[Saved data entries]
++++++++++
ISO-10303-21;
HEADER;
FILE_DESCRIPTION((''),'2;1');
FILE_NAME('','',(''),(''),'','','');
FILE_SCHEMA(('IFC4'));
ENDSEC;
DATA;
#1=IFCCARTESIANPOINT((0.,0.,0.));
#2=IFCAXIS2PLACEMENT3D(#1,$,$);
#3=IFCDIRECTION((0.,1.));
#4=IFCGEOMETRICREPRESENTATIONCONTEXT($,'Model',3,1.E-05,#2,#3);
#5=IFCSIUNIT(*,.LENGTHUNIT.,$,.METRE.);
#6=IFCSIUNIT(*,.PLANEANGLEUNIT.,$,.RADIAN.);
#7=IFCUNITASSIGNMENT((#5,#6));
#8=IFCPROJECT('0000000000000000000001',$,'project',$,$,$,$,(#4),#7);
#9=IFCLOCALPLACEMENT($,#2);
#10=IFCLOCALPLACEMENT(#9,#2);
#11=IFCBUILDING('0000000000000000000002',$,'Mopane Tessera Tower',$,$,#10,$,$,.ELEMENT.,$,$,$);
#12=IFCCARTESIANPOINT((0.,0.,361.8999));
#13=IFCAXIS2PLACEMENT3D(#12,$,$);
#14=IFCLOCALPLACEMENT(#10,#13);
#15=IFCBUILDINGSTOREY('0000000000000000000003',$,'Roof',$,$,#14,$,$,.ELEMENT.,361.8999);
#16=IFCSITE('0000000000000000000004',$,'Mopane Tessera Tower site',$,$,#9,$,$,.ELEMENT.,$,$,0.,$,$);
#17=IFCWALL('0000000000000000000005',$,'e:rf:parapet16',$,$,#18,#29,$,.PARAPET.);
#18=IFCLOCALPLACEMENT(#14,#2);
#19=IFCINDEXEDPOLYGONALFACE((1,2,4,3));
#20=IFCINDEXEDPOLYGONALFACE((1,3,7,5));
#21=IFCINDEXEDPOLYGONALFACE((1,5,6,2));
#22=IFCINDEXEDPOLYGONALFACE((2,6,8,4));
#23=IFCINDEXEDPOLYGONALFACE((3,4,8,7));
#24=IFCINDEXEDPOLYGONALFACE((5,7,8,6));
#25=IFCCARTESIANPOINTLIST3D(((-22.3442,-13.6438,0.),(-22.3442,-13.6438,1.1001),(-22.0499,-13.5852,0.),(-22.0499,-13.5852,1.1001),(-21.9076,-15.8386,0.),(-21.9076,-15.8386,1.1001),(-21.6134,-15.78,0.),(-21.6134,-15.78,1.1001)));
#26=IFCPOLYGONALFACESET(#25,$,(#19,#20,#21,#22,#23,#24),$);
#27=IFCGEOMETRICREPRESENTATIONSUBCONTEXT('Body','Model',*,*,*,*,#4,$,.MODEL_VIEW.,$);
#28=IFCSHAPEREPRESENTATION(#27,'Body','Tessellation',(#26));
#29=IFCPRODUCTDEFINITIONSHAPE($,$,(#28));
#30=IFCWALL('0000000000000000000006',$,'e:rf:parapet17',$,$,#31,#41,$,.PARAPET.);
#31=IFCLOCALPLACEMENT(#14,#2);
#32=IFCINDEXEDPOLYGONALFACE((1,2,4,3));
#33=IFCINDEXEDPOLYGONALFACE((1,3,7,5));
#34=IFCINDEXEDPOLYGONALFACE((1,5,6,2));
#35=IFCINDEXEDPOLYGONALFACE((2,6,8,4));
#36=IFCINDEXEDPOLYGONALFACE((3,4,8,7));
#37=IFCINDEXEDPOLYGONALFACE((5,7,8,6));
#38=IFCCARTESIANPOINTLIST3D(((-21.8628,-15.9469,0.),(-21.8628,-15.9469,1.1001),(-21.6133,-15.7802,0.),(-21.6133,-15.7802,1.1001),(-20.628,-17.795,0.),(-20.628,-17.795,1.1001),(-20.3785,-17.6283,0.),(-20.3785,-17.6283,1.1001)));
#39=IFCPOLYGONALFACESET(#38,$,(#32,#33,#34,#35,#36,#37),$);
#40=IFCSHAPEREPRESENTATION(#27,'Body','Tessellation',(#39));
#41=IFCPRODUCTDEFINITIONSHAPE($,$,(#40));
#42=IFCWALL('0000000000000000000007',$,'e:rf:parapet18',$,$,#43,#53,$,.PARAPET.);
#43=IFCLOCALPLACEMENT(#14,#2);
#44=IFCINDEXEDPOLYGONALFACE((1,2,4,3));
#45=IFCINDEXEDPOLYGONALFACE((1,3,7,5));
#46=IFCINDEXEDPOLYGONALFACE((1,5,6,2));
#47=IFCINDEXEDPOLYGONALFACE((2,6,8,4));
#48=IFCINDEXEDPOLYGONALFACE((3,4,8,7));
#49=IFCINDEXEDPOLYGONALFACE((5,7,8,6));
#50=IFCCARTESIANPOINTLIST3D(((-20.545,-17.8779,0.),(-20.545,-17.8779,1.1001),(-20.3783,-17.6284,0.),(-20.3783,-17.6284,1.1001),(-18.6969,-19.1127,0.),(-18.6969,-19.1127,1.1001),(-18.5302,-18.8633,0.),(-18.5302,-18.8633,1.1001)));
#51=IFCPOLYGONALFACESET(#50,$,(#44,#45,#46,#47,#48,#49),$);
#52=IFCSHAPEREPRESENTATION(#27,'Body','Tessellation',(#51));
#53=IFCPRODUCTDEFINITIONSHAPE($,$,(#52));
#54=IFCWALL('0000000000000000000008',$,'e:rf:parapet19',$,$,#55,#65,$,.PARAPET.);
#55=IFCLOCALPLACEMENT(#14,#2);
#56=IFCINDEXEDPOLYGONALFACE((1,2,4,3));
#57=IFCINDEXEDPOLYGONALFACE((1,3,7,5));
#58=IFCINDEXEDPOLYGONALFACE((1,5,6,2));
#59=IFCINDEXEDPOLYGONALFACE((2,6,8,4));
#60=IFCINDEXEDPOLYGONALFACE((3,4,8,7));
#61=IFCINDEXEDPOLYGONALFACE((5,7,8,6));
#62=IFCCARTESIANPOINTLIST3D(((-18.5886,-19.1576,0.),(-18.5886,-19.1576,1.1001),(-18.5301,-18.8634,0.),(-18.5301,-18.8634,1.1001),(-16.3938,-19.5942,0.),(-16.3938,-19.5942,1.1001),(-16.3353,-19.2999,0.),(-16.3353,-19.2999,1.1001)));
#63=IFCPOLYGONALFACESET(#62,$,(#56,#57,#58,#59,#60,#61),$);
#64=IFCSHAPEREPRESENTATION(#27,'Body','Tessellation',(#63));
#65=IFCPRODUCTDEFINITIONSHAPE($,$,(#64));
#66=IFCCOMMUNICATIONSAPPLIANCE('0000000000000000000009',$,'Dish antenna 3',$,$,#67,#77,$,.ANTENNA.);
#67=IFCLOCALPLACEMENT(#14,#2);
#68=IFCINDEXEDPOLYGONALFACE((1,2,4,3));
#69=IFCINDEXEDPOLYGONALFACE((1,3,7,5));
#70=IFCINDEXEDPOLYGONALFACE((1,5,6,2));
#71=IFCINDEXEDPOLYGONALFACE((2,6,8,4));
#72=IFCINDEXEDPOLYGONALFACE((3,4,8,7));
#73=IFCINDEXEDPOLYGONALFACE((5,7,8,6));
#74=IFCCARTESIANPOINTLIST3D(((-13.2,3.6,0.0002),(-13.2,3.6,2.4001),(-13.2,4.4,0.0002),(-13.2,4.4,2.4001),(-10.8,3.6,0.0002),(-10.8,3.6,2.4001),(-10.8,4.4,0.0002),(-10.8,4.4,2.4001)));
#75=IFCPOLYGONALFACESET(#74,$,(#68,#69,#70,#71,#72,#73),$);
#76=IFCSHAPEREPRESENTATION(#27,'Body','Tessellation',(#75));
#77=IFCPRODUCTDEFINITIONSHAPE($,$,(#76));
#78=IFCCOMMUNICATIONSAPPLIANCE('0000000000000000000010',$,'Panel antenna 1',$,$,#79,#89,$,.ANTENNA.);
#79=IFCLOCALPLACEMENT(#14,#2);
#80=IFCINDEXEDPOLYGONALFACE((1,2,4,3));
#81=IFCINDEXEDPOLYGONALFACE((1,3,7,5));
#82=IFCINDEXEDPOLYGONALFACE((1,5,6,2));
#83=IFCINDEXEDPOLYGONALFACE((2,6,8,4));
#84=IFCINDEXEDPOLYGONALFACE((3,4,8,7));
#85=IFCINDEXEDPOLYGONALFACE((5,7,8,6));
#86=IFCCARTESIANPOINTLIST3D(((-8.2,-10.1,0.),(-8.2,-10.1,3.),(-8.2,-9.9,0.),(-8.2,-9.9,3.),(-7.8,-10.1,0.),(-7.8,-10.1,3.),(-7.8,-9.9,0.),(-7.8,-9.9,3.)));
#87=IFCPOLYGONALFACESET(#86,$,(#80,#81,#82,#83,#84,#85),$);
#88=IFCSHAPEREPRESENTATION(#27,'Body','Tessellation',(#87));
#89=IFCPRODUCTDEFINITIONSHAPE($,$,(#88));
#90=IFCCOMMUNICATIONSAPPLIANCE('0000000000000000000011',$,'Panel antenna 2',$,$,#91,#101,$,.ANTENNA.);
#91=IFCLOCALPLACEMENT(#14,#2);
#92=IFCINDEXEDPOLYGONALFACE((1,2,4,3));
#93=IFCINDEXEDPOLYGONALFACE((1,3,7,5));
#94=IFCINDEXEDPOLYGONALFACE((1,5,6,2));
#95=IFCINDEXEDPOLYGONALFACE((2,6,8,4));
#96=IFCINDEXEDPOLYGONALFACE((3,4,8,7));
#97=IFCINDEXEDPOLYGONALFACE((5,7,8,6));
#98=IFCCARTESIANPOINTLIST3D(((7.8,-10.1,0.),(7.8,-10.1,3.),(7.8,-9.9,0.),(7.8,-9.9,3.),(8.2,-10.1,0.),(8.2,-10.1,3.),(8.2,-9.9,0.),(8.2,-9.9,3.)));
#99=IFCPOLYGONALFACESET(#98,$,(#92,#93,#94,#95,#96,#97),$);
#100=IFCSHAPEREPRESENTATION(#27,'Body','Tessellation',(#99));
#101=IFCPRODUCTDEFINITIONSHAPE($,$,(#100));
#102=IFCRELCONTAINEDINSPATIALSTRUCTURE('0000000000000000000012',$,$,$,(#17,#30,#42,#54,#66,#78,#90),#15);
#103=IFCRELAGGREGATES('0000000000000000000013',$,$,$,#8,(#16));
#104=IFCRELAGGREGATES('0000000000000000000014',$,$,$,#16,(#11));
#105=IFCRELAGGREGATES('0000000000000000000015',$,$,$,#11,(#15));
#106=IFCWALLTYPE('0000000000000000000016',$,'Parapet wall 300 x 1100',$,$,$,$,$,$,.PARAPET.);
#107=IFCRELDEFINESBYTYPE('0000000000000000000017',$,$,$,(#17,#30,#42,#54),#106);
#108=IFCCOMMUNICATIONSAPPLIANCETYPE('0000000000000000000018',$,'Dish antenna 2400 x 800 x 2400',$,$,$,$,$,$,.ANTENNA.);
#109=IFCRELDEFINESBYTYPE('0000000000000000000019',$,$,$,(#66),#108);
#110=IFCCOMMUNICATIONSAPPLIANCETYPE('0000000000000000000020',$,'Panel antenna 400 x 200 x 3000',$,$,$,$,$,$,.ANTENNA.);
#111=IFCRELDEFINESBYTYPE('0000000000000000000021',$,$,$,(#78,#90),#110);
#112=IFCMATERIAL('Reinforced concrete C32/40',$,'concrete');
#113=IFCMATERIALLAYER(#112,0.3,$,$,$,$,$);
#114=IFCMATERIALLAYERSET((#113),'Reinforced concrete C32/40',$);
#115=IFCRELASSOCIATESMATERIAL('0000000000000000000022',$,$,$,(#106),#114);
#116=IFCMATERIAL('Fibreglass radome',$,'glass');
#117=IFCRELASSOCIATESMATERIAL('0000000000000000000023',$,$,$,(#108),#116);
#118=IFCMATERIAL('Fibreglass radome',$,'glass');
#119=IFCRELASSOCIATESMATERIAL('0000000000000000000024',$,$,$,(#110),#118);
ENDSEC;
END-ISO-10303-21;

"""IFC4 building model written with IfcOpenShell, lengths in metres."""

from ifc_helpers import new_model, si_unit, direction, frame, frame_2d, origin, origin_2d, place, context, subcontext, project, spatial, rectangle, extrude, material, layer, layer_set, type_object, element, save


model = new_model("IFC4")

# Units and contexts
model_context = context("Model", 3, precision=1e-05, world=origin(), true_north=direction((0.0, 1.0)))
body_context = subcontext(model_context, "Body", "Model", "MODEL_VIEW")
ifc_project = project(units=[si_unit("LENGTHUNIT", "METRE"), si_unit("PLANEANGLEUNIT", "RADIAN")], contexts=[model_context])

# Site, building, storey
site_placement = place(None, origin())
site = spatial("IfcSite", under=ifc_project, at=site_placement, Name="Mopane Tessera Tower site", CompositionType="ELEMENT", RefElevation=0.0)
building_placement = place(site_placement, origin())
building = spatial("IfcBuilding", under=site, at=building_placement, Name="Mopane Tessera Tower", CompositionType="ELEMENT")
storey_placement = place(building_placement, frame((0.0, 0.0, 361.8999)))
storey = spatial("IfcBuildingStorey", under=building, at=storey_placement, Name="Roof", CompositionType="ELEMENT", Elevation=361.8999)

# Walls
ifc_material_1 = material(Name="Reinforced concrete C32/40", Category="concrete")
ifc_layer_1 = layer(ifc_material_1, 0.3)
ifc_layer_set_1 = layer_set([ifc_layer_1], Name="Reinforced concrete C32/40")
wall_type = type_object("IfcWallType", Name="Parapet wall 300 x 1100", PredefinedType="PARAPET", material=ifc_layer_set_1)
wall_1_placement = place(storey_placement, frame((-22.197, -13.6145, 0.0), z_axis=(0.0, 0.0, 1.0), x_axis=(0.195067, -0.98079, 0.0)))
element("IfcWall", 1, at=wall_1_placement, inside=storey, type_object=wall_type, Name="e:rf:parapet16", PredefinedType="PARAPET", context=body_context, shape_type="SweptSolid", body=[
    extrude(rectangle(XDim=2.2378, YDim=0.3, at=frame_2d((1.1189, 0.0))), origin(), (0.0, 0.0, 1.0), 1.1001),
])
for number, where, z_axis, x_axis, name in (
    (2, (-21.738, -15.8635, 0.0), (0.0, 0.0, 1.0), (0.555562, -0.831475, 0.0), "e:rf:parapet17"),
    (3, (-20.4617, -17.7532, 0.0), (0.0, 0.0, 1.0), (0.831475, -0.555562, 0.0), "e:rf:parapet18"),
):
    element("IfcWall", number, at=place(storey_placement, frame(where, z_axis=z_axis, x_axis=x_axis)), inside=storey, type_object=wall_type, Name=name, PredefinedType="PARAPET", context=body_context, shape_type="SweptSolid", body=[
        extrude(rectangle(XDim=2.2227, YDim=0.3, at=frame_2d((1.1113, 0.0))), origin(), (0.0, 0.0, 1.0), 1.1001),
    ])
wall_2_placement = place(storey_placement, frame((-18.5593, -19.0105, 0.0), z_axis=(0.0, 0.0, 1.0), x_axis=(0.98079, -0.195067, 0.0)))
element("IfcWall", 4, at=wall_2_placement, inside=storey, type_object=wall_type, Name="e:rf:parapet19", PredefinedType="PARAPET", context=body_context, shape_type="SweptSolid", body=[
    extrude(rectangle(XDim=2.2378, YDim=0.3, at=frame_2d((1.1189, 0.0))), origin(), (0.0, 0.0, 1.0), 1.1001),
])

# Communications appliances
ifc_material_2 = material(Name="Fibreglass radome", Category="glass")
communications_appliance_type_1 = type_object("IfcCommunicationsApplianceType", Name="Dish antenna 2400 x 800 x 2400", PredefinedType="ANTENNA", material=ifc_material_2)
communications_appliance_placement = place(storey_placement, frame((-12.0, 4.0, 0.0002), z_axis=(0.0, 0.0, 1.0), x_axis=(1.0, 0.0, 0.0)))
element("IfcCommunicationsAppliance", 5, at=communications_appliance_placement, inside=storey, type_object=communications_appliance_type_1, Name="Dish antenna 3", PredefinedType="ANTENNA", context=body_context, shape_type="SweptSolid", body=[
    extrude(rectangle(XDim=2.3999, YDim=0.8, at=origin_2d()), origin(), (0.0, 0.0, 1.0), 2.3999),
])
ifc_material_3 = material(Name="Fibreglass radome", Category="glass")
communications_appliance_type_2 = type_object("IfcCommunicationsApplianceType", Name="Panel antenna 400 x 200 x 3000", PredefinedType="ANTENNA", material=ifc_material_3)
for number, where, z_axis, x_axis, name in (
    (6, (-8.0, -10.0, 0.0), (0.0, 0.0, 1.0), (1.0, 0.0, 0.0), "Panel antenna 1"),
    (7, (8.0, -10.0, 0.0), (0.0, 0.0, 1.0), (1.0, 0.0, 0.0), "Panel antenna 2"),
):
    element("IfcCommunicationsAppliance", number, at=place(storey_placement, frame(where, z_axis=z_axis, x_axis=x_axis)), inside=storey, type_object=communications_appliance_type_2, Name=name, PredefinedType="ANTENNA", context=body_context, shape_type="SweptSolid", body=[
        extrude(rectangle(XDim=0.3999, YDim=0.2, at=origin_2d()), origin(), (0.0, 0.0, 1.0), 3.0),
    ])

save(model, "model.ifc")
++++++++++
Your answer should be the exact lines above from the one with "#75=IFCPOLYGONALFACESET(#74,$,(#68,#69,#70,#71,#72,#73),$);" through the one with "#97=IFCINDEXEDPOLYGONALFACE((5,7,8,6));", both included, and nothing besides.

#75=IFCPOLYGONALFACESET(#74,$,(#68,#69,#70,#71,#72,#73),$);
#76=IFCSHAPEREPRESENTATION(#27,'Body','Tessellation',(#75));
#77=IFCPRODUCTDEFINITIONSHAPE($,$,(#76));
#78=IFCCOMMUNICATIONSAPPLIANCE('0000000000000000000010',$,'Panel antenna 1',$,$,#79,#89,$,.ANTENNA.);
#79=IFCLOCALPLACEMENT(#14,#2);
#80=IFCINDEXEDPOLYGONALFACE((1,2,4,3));
#81=IFCINDEXEDPOLYGONALFACE((1,3,7,5));
#82=IFCINDEXEDPOLYGONALFACE((1,5,6,2));
#83=IFCINDEXEDPOLYGONALFACE((2,6,8,4));
#84=IFCINDEXEDPOLYGONALFACE((3,4,8,7));
#85=IFCINDEXEDPOLYGONALFACE((5,7,8,6));
#86=IFCCARTESIANPOINTLIST3D(((-8.2,-10.1,0.),(-8.2,-10.1,3.),(-8.2,-9.9,0.),(-8.2,-9.9,3.),(-7.8,-10.1,0.),(-7.8,-10.1,3.),(-7.8,-9.9,0.),(-7.8,-9.9,3.)));
#87=IFCPOLYGONALFACESET(#86,$,(#80,#81,#82,#83,#84,#85),$);
#88=IFCSHAPEREPRESENTATION(#27,'Body','Tessellation',(#87));
#89=IFCPRODUCTDEFINITIONSHAPE($,$,(#88));
#90=IFCCOMMUNICATIONSAPPLIANCE('0000000000000000000011',$,'Panel antenna 2',$,$,#91,#101,$,.ANTENNA.);
#91=IFCLOCALPLACEMENT(#14,#2);
#92=IFCINDEXEDPOLYGONALFACE((1,2,4,3));
#93=IFCINDEXEDPOLYGONALFACE((1,3,7,5));
#94=IFCINDEXEDPOLYGONALFACE((1,5,6,2));
#95=IFCINDEXEDPOLYGONALFACE((2,6,8,4));
#96=IFCINDEXEDPOLYGONALFACE((3,4,8,7));
#97=IFCINDEXEDPOLYGONALFACE((5,7,8,6));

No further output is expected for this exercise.